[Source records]

►

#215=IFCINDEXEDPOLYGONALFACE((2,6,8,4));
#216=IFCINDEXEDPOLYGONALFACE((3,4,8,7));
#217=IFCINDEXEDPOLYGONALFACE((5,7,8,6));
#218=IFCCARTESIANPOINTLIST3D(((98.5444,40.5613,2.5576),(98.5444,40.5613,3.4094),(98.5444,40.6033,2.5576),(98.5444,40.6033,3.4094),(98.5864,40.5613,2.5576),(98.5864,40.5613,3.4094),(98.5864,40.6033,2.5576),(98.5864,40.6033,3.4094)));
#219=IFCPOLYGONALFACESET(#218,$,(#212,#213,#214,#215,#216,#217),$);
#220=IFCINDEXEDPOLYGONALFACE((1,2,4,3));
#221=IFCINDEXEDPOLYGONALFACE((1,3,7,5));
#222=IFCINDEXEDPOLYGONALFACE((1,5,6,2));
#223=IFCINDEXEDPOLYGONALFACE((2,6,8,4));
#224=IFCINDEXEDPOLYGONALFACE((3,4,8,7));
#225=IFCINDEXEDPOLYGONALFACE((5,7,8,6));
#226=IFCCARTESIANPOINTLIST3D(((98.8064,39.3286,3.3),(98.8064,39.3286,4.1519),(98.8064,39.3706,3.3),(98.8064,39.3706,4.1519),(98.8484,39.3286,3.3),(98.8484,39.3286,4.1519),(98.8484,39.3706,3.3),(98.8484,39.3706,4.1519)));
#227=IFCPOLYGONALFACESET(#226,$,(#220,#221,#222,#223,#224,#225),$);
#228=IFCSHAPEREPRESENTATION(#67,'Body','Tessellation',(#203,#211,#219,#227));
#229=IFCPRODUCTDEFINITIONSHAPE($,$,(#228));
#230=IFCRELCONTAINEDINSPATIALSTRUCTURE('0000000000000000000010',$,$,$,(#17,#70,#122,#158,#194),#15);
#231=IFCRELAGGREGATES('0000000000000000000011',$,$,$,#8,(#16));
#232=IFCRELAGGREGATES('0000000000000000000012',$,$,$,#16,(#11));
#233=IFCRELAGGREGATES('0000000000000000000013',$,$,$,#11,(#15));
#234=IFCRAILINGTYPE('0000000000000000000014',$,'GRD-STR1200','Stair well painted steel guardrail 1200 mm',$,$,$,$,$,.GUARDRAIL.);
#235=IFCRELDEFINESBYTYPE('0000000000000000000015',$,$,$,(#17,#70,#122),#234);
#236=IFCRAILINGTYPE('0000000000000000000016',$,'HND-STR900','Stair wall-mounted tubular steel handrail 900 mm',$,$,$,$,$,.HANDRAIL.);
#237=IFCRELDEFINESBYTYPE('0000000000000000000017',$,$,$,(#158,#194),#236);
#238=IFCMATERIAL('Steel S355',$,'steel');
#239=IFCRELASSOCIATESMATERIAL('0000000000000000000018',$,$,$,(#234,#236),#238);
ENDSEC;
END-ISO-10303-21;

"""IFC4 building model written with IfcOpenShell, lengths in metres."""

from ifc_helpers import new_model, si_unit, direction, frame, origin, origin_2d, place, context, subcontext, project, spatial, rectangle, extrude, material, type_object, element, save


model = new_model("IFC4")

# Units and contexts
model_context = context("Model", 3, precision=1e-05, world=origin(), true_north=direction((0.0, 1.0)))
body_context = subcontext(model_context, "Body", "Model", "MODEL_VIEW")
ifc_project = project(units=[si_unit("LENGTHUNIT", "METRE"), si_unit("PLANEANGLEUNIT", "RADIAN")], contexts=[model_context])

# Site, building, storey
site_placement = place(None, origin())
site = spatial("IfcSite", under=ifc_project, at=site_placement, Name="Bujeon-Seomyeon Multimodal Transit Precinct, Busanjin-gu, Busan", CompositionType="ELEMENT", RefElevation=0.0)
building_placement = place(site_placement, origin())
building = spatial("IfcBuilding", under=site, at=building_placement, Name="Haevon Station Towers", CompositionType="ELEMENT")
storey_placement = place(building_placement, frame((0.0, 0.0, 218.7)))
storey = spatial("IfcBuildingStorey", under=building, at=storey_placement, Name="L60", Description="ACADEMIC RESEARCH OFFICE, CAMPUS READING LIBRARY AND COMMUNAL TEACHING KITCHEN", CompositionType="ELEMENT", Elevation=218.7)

◄
►

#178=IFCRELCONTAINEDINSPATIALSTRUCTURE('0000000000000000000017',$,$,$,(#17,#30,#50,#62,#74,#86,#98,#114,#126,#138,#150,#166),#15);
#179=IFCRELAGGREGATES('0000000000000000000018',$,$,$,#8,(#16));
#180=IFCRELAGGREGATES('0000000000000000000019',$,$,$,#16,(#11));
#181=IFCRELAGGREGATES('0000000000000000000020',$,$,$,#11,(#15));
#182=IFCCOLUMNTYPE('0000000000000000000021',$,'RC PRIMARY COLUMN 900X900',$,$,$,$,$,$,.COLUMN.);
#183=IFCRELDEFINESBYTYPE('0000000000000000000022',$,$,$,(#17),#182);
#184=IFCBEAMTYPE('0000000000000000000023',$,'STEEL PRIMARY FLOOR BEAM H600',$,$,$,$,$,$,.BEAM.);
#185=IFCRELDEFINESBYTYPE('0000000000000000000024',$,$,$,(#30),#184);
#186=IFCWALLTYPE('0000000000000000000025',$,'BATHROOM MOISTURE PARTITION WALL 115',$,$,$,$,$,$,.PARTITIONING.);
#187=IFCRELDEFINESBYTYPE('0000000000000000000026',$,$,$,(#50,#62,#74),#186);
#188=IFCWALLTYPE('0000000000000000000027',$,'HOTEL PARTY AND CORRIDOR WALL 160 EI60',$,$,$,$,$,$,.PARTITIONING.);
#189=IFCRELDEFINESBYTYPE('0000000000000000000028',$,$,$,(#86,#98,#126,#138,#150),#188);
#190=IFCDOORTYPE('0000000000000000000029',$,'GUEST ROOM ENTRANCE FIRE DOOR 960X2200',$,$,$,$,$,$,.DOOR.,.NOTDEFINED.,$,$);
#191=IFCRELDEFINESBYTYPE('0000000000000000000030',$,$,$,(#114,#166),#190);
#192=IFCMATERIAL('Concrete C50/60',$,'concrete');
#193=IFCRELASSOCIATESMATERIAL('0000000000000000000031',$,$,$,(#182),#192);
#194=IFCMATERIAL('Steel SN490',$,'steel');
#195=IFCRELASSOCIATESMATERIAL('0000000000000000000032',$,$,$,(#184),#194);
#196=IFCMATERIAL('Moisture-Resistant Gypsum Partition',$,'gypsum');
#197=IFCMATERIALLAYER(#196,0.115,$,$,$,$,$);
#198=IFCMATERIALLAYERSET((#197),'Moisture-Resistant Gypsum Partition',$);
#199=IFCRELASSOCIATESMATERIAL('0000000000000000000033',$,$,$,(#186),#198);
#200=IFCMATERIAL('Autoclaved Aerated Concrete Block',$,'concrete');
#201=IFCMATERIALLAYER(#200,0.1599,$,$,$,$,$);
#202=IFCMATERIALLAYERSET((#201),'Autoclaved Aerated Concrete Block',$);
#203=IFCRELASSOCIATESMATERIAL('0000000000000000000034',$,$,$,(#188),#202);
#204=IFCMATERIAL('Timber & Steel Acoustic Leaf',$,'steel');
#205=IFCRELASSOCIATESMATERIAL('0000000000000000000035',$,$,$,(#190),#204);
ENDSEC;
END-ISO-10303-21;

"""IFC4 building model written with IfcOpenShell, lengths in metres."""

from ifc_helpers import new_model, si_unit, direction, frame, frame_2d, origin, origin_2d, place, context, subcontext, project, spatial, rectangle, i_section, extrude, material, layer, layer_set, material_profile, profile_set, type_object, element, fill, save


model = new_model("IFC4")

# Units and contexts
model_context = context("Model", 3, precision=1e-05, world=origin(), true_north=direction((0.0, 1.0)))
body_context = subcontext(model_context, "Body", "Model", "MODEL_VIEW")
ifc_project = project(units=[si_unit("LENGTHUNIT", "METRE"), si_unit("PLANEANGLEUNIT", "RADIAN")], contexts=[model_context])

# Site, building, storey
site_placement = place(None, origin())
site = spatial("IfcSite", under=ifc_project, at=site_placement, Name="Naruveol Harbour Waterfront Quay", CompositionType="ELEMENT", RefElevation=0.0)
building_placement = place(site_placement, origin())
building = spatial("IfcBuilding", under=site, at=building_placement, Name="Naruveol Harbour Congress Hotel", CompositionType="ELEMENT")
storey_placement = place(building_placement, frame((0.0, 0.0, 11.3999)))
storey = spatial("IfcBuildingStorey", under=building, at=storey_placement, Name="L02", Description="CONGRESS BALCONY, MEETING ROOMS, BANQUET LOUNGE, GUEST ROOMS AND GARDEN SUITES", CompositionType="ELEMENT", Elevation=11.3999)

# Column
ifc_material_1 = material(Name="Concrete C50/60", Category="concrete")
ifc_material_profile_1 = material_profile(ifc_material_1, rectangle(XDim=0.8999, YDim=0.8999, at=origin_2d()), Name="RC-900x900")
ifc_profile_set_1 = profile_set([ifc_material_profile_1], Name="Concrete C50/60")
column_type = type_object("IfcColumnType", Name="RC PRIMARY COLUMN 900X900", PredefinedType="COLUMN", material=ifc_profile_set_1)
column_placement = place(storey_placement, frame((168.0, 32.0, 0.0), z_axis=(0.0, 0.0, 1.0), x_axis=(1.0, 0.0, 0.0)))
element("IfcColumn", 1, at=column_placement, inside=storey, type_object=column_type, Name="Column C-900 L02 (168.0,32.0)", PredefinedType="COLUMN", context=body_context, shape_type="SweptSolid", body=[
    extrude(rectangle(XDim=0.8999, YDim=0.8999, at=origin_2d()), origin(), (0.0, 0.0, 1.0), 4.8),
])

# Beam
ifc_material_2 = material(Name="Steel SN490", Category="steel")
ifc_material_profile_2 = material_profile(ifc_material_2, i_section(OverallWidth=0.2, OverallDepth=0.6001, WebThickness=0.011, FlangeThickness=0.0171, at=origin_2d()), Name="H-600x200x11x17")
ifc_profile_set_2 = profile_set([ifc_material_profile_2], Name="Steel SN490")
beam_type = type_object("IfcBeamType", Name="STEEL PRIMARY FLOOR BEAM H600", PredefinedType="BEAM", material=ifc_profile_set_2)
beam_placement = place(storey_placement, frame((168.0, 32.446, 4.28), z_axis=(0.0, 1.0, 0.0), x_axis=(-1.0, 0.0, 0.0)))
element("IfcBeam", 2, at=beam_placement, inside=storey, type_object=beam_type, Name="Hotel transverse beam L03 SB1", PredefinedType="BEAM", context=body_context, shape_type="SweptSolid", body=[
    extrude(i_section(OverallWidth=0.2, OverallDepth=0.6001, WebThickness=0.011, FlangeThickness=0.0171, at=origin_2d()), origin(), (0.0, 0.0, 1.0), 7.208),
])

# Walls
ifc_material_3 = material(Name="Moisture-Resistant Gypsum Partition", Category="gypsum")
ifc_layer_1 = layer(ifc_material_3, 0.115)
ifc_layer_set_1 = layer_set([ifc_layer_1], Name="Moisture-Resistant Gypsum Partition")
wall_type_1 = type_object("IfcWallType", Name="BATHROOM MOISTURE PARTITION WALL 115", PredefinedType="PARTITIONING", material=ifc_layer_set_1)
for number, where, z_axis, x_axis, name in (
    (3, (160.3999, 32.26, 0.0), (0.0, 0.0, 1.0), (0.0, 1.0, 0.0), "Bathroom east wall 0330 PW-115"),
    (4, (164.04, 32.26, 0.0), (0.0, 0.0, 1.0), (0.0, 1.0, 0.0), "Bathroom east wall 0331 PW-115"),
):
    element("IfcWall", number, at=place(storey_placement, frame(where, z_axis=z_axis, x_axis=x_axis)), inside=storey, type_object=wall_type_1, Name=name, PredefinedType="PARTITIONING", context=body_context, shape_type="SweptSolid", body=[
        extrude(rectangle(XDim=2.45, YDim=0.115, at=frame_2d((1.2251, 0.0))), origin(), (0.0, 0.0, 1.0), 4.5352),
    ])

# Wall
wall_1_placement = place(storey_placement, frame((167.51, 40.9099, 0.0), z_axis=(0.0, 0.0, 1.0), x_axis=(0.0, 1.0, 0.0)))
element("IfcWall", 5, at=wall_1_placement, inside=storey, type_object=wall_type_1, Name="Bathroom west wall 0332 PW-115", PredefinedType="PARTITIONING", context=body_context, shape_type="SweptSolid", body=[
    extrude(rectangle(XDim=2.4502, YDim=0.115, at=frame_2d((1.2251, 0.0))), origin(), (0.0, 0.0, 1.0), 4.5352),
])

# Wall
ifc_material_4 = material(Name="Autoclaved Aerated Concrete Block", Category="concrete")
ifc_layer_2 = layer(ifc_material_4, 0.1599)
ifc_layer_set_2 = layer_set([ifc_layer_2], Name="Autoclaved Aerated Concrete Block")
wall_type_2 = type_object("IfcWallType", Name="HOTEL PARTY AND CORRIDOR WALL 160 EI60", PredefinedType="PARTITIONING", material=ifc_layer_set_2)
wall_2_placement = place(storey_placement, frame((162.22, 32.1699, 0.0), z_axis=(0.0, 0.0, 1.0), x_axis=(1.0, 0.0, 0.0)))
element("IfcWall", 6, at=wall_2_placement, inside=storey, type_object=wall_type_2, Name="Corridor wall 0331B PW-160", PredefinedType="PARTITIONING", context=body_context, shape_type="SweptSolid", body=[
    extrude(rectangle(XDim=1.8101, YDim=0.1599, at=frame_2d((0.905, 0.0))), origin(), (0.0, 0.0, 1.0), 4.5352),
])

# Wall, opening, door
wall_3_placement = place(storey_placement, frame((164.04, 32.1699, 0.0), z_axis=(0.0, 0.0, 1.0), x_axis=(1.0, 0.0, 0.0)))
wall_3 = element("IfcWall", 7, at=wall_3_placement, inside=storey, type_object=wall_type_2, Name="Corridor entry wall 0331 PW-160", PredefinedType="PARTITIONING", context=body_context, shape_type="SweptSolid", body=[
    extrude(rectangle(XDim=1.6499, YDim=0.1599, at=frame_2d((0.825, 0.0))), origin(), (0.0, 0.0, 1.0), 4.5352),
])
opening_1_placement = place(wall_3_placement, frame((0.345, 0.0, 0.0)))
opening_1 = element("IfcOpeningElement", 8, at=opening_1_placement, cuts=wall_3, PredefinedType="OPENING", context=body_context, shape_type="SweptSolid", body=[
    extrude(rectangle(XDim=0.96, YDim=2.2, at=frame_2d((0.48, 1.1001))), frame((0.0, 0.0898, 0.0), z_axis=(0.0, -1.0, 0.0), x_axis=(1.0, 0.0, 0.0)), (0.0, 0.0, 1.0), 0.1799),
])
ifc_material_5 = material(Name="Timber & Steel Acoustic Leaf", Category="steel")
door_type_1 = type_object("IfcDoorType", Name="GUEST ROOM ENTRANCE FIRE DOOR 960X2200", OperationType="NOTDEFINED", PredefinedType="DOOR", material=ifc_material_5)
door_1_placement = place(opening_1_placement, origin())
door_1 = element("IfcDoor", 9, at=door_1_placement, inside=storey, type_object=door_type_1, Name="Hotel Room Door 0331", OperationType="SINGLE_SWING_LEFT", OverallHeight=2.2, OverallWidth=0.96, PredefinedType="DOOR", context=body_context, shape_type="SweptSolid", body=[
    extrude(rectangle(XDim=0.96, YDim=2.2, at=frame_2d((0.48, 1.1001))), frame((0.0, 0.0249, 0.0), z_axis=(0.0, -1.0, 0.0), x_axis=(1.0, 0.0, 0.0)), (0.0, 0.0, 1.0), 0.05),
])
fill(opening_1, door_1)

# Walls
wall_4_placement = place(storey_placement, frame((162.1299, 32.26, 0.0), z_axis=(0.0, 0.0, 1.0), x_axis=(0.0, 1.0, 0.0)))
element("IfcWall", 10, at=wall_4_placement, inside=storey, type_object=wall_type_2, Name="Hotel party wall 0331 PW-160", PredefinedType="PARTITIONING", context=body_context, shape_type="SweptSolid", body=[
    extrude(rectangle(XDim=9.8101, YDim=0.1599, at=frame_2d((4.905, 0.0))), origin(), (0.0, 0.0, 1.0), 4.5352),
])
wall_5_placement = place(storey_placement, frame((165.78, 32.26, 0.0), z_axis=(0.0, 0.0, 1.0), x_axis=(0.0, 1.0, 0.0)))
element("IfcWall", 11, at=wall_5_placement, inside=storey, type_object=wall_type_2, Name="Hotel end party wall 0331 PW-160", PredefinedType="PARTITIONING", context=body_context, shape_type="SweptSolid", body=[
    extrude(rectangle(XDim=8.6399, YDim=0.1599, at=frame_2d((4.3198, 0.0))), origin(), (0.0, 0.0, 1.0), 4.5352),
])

◄
►

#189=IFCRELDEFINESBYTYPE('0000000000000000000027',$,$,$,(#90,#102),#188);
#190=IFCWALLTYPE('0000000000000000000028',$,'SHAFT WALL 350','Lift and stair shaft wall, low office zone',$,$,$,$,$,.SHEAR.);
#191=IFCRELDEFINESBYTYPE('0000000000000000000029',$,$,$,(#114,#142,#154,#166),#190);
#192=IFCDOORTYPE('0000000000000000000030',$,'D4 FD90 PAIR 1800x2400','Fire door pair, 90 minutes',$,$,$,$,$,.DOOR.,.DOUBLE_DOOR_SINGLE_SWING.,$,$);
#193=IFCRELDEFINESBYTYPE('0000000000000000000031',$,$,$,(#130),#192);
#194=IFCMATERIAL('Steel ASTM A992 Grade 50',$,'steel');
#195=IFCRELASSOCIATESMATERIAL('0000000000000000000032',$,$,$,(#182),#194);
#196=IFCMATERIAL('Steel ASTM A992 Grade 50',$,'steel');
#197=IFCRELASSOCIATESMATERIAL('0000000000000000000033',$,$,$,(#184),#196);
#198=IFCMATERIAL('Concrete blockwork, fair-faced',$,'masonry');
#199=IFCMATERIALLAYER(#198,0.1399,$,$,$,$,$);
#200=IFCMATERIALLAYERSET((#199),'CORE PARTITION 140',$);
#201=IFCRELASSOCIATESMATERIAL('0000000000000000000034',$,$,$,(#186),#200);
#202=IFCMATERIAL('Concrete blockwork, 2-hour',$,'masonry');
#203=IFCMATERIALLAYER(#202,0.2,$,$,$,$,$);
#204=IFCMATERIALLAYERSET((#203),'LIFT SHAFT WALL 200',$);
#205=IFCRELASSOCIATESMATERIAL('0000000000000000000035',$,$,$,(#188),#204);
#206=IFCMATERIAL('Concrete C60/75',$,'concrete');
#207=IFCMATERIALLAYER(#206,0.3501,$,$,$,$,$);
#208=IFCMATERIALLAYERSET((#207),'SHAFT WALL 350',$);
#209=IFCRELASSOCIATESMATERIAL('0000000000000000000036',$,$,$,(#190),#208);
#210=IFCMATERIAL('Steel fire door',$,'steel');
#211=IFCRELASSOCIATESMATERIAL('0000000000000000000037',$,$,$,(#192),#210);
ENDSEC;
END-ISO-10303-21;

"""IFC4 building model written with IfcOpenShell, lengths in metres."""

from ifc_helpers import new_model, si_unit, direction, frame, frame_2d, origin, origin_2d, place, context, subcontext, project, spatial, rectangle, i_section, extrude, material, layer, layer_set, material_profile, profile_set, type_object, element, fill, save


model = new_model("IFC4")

◄

=== ABOUT THIS TASK ===
This exercise requires the number of lines in the entries holding the word "masonry", written alone.

=== SOLUTION ===
2